[Data to process Boundary: Start]

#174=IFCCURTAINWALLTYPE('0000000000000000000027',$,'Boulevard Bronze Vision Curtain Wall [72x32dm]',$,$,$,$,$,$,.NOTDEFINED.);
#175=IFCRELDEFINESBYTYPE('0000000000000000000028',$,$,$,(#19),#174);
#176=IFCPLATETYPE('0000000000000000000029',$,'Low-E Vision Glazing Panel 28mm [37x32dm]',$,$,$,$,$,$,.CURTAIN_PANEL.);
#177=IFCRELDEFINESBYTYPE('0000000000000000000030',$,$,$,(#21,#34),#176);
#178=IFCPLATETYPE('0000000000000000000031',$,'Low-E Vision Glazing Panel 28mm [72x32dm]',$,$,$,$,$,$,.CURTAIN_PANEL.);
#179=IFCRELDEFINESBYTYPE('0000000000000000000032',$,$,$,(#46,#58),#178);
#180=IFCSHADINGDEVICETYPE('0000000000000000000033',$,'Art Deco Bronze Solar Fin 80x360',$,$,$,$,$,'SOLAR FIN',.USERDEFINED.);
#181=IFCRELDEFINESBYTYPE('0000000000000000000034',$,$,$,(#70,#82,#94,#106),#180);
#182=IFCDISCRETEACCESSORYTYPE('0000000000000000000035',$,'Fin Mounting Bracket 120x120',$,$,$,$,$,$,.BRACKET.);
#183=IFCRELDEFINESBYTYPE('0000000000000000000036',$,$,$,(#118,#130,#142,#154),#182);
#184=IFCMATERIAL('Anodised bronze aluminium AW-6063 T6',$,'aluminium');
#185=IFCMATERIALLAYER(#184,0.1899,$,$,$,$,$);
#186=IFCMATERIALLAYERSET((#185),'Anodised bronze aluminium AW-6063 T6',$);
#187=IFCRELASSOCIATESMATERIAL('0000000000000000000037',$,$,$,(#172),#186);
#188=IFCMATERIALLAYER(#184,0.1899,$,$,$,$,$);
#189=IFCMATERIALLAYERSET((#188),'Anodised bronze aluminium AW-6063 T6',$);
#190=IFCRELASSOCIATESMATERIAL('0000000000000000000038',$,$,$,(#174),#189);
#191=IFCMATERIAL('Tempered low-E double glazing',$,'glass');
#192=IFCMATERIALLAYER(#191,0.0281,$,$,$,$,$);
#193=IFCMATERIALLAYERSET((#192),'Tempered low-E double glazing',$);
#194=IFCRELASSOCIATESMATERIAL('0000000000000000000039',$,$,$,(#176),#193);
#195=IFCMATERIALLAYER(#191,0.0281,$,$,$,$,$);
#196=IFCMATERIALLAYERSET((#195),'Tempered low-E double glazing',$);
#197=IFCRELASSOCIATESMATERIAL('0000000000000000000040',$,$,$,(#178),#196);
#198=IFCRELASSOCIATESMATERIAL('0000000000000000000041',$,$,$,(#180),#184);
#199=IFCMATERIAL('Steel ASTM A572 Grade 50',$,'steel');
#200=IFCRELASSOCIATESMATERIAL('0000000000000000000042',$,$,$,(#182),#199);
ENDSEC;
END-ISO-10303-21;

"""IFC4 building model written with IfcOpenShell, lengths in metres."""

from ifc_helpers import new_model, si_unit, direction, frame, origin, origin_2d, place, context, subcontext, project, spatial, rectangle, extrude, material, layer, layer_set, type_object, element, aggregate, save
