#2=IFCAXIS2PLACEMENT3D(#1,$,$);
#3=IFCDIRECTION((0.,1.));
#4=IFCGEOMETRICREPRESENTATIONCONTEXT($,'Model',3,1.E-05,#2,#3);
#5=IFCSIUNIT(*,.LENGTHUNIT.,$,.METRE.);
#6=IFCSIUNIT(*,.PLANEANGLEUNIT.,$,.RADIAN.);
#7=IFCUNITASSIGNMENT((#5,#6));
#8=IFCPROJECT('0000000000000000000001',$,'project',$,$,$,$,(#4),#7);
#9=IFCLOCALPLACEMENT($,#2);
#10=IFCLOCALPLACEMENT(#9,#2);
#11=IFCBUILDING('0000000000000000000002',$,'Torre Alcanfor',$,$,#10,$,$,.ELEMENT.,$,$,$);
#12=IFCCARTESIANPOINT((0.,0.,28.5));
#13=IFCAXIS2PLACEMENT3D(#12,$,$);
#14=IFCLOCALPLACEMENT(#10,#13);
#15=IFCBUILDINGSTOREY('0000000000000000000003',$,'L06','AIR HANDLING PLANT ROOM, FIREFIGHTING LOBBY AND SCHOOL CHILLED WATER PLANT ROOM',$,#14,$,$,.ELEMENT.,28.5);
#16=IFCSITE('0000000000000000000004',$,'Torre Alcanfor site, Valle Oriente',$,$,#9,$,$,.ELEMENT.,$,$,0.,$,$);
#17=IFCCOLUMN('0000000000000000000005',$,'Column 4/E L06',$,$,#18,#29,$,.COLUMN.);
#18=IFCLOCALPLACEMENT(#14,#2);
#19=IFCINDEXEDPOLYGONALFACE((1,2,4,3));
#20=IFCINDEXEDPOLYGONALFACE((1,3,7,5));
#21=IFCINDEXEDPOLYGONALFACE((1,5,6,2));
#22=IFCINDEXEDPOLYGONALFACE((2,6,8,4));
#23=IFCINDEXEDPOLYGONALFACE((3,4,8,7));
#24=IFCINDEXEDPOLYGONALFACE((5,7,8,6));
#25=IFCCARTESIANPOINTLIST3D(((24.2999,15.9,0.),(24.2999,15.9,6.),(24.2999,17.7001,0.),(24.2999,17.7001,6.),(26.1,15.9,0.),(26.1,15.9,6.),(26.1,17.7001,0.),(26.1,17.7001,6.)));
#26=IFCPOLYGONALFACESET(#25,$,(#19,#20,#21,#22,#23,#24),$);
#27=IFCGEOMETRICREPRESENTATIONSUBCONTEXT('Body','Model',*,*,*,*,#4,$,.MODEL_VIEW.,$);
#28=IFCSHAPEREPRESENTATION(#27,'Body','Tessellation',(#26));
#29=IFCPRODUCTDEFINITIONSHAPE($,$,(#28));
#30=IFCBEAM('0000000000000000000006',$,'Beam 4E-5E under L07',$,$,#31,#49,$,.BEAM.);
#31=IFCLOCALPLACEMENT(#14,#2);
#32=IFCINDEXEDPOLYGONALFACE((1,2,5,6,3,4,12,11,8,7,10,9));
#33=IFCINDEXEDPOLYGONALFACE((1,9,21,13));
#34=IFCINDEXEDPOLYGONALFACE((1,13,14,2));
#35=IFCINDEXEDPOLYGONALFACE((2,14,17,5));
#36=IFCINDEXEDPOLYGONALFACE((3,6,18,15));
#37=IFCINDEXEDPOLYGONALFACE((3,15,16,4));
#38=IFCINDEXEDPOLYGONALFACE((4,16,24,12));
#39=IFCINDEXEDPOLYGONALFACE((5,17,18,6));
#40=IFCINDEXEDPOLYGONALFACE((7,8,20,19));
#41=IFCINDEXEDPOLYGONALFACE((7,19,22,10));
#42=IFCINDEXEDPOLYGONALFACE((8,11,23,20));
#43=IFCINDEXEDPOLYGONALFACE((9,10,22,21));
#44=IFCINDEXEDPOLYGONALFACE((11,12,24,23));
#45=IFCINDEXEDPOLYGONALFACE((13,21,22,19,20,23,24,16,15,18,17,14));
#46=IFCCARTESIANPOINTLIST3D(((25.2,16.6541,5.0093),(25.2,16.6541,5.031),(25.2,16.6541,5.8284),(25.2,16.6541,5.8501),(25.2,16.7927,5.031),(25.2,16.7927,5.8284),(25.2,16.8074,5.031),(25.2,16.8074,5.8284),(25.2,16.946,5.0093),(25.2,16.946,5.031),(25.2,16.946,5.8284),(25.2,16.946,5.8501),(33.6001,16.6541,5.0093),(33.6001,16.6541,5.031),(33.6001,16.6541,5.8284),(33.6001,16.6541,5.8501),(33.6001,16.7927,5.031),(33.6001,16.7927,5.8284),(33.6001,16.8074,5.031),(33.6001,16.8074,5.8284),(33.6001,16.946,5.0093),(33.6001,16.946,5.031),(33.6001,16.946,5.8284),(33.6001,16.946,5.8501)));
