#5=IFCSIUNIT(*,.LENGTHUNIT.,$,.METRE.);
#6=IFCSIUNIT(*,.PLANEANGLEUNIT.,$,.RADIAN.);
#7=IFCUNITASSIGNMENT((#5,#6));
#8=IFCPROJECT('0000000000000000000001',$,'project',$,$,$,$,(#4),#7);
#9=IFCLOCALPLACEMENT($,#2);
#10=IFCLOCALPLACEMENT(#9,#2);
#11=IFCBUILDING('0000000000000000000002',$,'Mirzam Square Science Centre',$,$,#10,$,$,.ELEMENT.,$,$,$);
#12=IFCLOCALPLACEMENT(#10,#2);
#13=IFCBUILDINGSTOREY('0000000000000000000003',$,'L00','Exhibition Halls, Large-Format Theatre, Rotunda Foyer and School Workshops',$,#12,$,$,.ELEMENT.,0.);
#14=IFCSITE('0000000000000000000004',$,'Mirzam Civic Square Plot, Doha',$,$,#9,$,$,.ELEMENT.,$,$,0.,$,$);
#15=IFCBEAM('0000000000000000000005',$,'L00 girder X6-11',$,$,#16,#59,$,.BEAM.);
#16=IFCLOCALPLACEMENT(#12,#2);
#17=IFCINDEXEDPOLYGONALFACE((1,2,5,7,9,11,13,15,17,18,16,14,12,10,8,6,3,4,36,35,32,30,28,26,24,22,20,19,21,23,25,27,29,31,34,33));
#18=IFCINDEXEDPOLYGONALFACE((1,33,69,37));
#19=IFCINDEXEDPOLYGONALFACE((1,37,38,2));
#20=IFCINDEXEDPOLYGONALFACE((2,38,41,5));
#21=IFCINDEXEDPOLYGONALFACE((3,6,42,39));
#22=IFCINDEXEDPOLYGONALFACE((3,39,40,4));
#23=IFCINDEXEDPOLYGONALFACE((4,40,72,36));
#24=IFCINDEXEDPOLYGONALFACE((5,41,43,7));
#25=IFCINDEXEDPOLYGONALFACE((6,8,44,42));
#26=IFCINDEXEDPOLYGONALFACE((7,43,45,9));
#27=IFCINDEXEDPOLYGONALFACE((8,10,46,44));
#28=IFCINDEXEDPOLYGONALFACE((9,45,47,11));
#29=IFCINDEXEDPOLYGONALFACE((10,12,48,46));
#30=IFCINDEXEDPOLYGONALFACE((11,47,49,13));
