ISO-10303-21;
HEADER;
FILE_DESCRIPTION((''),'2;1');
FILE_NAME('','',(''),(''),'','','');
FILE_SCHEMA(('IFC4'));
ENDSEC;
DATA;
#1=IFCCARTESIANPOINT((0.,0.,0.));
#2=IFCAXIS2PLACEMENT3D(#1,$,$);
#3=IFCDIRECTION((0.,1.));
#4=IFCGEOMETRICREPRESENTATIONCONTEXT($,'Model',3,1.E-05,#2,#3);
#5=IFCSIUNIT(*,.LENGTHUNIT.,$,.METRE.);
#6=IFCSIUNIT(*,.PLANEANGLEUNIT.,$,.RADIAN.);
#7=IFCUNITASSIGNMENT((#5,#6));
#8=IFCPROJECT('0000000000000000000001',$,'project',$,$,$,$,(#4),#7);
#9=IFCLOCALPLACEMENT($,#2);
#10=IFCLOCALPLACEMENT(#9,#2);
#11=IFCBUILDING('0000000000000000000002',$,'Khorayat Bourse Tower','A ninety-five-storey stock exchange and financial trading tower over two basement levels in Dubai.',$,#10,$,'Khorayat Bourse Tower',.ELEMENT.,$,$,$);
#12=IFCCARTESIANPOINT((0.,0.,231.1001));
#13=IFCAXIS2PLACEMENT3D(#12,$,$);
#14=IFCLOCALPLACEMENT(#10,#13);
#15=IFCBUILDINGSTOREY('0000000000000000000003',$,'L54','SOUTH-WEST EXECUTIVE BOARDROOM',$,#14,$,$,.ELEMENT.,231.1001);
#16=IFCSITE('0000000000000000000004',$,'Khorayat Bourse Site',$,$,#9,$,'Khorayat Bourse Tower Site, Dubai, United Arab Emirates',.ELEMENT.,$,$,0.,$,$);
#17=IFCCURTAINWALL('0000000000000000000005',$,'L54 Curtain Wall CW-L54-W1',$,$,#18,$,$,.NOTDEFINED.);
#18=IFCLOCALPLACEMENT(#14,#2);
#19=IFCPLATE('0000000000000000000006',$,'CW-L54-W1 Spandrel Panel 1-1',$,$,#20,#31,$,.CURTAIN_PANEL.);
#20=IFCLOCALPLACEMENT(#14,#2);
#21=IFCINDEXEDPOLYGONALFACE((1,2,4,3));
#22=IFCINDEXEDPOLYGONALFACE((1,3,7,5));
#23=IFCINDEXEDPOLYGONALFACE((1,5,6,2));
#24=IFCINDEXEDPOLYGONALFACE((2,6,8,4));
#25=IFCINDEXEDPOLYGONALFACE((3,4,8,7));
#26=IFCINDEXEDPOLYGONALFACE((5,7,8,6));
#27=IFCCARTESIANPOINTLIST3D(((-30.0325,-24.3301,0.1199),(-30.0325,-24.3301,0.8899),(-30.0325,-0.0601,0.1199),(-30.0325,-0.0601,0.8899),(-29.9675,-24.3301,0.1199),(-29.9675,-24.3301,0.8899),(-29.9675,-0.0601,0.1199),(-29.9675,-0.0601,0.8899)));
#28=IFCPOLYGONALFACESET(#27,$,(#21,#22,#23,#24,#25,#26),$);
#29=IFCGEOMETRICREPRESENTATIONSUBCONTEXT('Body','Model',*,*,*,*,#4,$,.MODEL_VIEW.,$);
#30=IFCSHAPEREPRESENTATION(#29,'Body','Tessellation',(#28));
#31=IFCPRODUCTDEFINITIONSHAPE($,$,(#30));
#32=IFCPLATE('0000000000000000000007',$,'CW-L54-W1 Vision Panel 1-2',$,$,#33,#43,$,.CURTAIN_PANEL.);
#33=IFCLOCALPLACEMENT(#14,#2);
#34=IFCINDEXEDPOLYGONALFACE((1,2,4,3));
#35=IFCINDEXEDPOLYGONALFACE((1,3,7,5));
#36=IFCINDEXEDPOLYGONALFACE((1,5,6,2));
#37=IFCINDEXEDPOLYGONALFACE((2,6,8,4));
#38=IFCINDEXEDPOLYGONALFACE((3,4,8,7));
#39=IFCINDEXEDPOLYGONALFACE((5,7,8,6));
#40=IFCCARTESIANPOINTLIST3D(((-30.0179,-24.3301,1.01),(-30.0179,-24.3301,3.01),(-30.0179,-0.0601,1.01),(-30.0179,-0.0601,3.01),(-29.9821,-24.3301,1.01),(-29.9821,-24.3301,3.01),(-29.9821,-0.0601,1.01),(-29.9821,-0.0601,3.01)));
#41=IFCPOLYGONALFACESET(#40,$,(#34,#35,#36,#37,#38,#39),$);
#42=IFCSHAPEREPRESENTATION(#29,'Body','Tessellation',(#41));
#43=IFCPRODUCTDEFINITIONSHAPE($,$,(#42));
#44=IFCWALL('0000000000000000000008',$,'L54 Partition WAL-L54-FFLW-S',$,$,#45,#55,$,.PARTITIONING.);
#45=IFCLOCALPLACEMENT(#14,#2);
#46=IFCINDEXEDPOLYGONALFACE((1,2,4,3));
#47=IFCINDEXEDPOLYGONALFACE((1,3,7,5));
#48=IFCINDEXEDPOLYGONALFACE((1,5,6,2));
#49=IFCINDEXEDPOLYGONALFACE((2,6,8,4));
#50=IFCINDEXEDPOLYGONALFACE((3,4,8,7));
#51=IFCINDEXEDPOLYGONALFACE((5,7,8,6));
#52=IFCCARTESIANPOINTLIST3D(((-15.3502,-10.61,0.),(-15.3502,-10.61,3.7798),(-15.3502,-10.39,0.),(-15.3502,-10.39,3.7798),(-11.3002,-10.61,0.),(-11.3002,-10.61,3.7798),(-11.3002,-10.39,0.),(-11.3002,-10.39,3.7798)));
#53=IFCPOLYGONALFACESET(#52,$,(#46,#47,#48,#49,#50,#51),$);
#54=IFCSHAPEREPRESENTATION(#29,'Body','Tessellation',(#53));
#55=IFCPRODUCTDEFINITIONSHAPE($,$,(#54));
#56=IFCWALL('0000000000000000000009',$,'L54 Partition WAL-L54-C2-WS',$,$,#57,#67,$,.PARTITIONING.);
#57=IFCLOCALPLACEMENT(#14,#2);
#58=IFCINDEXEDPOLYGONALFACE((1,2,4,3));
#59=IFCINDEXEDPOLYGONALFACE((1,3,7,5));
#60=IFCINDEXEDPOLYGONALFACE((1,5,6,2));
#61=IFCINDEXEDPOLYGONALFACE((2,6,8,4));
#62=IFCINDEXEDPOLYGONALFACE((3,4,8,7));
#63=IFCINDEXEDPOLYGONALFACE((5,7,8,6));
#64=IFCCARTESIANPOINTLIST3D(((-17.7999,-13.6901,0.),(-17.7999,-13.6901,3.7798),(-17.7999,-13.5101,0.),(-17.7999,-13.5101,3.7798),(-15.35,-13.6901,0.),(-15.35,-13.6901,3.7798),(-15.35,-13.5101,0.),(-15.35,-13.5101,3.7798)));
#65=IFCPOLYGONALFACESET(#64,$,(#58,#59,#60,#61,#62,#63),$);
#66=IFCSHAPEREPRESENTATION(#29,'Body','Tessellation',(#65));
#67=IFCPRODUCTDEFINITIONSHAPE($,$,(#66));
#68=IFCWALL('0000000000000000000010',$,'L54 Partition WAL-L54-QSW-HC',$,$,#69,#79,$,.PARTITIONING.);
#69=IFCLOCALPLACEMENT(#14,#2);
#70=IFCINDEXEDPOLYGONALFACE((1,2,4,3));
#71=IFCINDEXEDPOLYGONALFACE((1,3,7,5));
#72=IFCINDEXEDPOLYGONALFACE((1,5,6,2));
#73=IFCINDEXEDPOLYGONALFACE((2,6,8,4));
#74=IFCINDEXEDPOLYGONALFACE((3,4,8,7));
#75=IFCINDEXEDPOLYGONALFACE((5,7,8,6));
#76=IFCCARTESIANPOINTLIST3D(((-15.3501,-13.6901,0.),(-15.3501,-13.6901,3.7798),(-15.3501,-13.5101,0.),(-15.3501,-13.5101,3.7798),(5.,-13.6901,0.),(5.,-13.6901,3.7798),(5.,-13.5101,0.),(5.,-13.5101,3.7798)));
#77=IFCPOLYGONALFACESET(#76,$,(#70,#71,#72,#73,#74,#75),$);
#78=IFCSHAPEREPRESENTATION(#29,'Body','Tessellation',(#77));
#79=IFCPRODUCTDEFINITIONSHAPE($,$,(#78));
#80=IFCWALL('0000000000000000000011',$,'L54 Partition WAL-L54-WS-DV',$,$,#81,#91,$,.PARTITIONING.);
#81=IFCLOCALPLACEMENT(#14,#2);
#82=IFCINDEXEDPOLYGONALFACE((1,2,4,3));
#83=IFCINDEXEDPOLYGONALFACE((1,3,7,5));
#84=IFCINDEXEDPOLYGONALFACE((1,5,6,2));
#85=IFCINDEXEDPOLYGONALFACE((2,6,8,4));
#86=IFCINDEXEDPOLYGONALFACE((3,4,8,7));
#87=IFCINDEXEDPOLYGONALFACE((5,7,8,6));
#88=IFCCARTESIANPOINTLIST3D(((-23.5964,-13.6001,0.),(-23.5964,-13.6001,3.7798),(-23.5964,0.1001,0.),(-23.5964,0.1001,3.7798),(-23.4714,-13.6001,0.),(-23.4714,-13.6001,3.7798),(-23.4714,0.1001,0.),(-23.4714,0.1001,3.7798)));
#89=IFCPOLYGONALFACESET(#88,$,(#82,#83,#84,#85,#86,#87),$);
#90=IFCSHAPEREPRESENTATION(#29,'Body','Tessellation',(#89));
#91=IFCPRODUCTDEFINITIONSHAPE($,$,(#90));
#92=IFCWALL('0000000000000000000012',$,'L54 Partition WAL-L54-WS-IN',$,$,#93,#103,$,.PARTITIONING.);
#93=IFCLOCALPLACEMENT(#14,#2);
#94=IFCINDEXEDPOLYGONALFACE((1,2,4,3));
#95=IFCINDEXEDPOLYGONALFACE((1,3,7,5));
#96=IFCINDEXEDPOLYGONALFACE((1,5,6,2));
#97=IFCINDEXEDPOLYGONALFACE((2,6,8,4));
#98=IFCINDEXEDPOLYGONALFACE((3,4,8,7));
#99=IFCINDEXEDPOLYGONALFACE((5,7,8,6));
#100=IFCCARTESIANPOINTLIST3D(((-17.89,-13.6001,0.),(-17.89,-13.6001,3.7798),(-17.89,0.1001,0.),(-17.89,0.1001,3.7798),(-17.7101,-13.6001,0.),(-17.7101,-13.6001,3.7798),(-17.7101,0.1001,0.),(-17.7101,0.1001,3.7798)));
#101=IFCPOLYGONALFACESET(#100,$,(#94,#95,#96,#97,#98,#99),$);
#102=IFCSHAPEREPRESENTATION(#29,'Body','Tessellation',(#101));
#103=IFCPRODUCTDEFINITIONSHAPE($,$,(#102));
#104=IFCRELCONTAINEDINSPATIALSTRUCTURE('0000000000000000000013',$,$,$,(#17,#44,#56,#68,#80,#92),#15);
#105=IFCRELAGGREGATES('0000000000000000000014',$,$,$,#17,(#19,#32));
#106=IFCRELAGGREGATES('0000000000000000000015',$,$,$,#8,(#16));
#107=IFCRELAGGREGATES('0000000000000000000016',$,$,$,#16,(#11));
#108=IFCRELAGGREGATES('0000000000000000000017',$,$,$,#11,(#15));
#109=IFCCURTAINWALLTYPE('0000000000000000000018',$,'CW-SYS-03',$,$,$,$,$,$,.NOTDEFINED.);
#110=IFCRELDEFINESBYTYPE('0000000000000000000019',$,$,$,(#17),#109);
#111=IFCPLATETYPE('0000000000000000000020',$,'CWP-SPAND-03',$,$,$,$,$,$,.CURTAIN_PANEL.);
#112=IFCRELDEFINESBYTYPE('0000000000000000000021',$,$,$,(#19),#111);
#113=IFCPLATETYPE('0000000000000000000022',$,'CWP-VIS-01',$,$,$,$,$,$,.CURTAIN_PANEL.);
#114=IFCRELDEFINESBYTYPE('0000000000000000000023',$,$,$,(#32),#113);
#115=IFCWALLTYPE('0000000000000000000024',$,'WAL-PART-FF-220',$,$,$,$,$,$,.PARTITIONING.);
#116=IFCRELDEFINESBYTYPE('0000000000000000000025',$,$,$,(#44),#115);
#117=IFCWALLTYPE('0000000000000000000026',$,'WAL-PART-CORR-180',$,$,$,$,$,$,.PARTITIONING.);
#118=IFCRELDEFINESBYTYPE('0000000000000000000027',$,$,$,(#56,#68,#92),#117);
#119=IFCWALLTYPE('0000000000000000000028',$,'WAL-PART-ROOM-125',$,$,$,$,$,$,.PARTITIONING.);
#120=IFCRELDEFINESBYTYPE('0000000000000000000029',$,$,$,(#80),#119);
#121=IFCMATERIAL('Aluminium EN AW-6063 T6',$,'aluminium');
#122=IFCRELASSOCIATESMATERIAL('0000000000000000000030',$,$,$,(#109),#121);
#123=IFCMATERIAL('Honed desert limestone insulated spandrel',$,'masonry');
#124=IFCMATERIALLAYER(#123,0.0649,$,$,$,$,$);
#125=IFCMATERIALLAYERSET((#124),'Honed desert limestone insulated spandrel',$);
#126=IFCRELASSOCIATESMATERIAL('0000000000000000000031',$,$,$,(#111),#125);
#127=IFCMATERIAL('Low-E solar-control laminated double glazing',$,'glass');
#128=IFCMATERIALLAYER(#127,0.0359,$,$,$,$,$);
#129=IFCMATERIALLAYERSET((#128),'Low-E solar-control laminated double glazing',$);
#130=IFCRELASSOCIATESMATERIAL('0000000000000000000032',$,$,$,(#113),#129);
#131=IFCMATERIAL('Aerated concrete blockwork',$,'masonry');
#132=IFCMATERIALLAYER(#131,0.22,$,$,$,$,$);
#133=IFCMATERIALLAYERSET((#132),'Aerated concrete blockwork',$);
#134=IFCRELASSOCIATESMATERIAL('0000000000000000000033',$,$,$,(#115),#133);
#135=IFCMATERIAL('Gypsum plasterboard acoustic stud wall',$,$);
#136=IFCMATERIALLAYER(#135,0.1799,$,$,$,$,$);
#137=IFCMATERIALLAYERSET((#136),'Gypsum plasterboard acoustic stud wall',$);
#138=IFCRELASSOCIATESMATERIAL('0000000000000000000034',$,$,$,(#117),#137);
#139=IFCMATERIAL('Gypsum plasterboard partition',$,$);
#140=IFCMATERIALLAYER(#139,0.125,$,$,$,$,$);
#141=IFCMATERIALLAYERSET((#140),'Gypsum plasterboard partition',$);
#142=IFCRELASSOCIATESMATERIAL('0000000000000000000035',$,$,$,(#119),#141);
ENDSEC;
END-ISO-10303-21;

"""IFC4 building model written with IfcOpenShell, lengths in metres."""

from ifc_helpers import new_model, si_unit, direction, frame, frame_2d, origin, origin_2d, place, context, subcontext, project, spatial, rectangle, extrude, source, transform, mapped, material, layer, layer_set, type_object, element, aggregate, save


model = new_model("IFC4")

# Units and contexts
model_context = context("Model", 3, precision=1e-05, world=origin(), true_north=direction((0.0, 1.0)))
body_context = subcontext(model_context, "Body", "Model", "MODEL_VIEW")
ifc_project = project(units=[si_unit("LENGTHUNIT", "METRE"), si_unit("PLANEANGLEUNIT", "RADIAN")], contexts=[model_context])

# Site, building, storey
site_placement = place(None, origin())
site = spatial("IfcSite", under=ifc_project, at=site_placement, Name="Khorayat Bourse Site", LongName="Khorayat Bourse Tower Site, Dubai, United Arab Emirates", CompositionType="ELEMENT", RefElevation=0.0)
building_placement = place(site_placement, origin())
building = spatial("IfcBuilding", under=site, at=building_placement, Name="Khorayat Bourse Tower", Description="A ninety-five-storey stock exchange and financial trading tower over two basement levels in Dubai.", LongName="Khorayat Bourse Tower", CompositionType="ELEMENT")
storey_placement = place(building_placement, frame((0.0, 0.0, 231.1001)))
storey = spatial("IfcBuildingStorey", under=building, at=storey_placement, Name="L54", Description="SOUTH-WEST EXECUTIVE BOARDROOM", CompositionType="ELEMENT", Elevation=231.1001)

# Curtain wall
ifc_material_1 = material(Name="Aluminium EN AW-6063 T6", Category="aluminium")
curtain_wall_type = type_object("IfcCurtainWallType", Name="CW-SYS-03", PredefinedType="NOTDEFINED", material=ifc_material_1)
curtain_wall_placement = place(storey_placement, origin())
curtain_wall = element("IfcCurtainWall", 1, at=curtain_wall_placement, inside=storey, type_object=curtain_wall_type, Name="L54 Curtain Wall CW-L54-W1", PredefinedType="NOTDEFINED")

[Data to process Boundary: End]

Your objective
All lines above from the one containing "#21=IFCINDEXEDPOLYGONALFACE((1,5,6,2));" to the one containing "#33=IFCINDEXEDPOLYGONALFACE((1,9,21,13));" must be repeated exactly, both lines included, and no others.

Task answer
#21=IFCINDEXEDPOLYGONALFACE((1,5,6,2));
#22=IFCINDEXEDPOLYGONALFACE((2,6,8,4));
#23=IFCINDEXEDPOLYGONALFACE((3,4,8,7));
#24=IFCINDEXEDPOLYGONALFACE((5,7,8,6));
#25=IFCCARTESIANPOINTLIST3D(((24.2999,15.9,0.),(24.2999,15.9,6.),(24.2999,17.7001,0.),(24.2999,17.7001,6.),(26.1,15.9,0.),(26.1,15.9,6.),(26.1,17.7001,0.),(26.1,17.7001,6.)));
#26=IFCPOLYGONALFACESET(#25,$,(#19,#20,#21,#22,#23,#24),$);
#27=IFCGEOMETRICREPRESENTATIONSUBCONTEXT('Body','Model',*,*,*,*,#4,$,.MODEL_VIEW.,$);
#28=IFCSHAPEREPRESENTATION(#27,'Body','Tessellation',(#26));
#29=IFCPRODUCTDEFINITIONSHAPE($,$,(#28));
#30=IFCBEAM('0000000000000000000006',$,'Beam 4E-5E under L07',$,$,#31,#49,$,.BEAM.);
#31=IFCLOCALPLACEMENT(#14,#2);
#32=IFCINDEXEDPOLYGONALFACE((1,2,5,6,3,4,12,11,8,7,10,9));
#33=IFCINDEXEDPOLYGONALFACE((1,9,21,13));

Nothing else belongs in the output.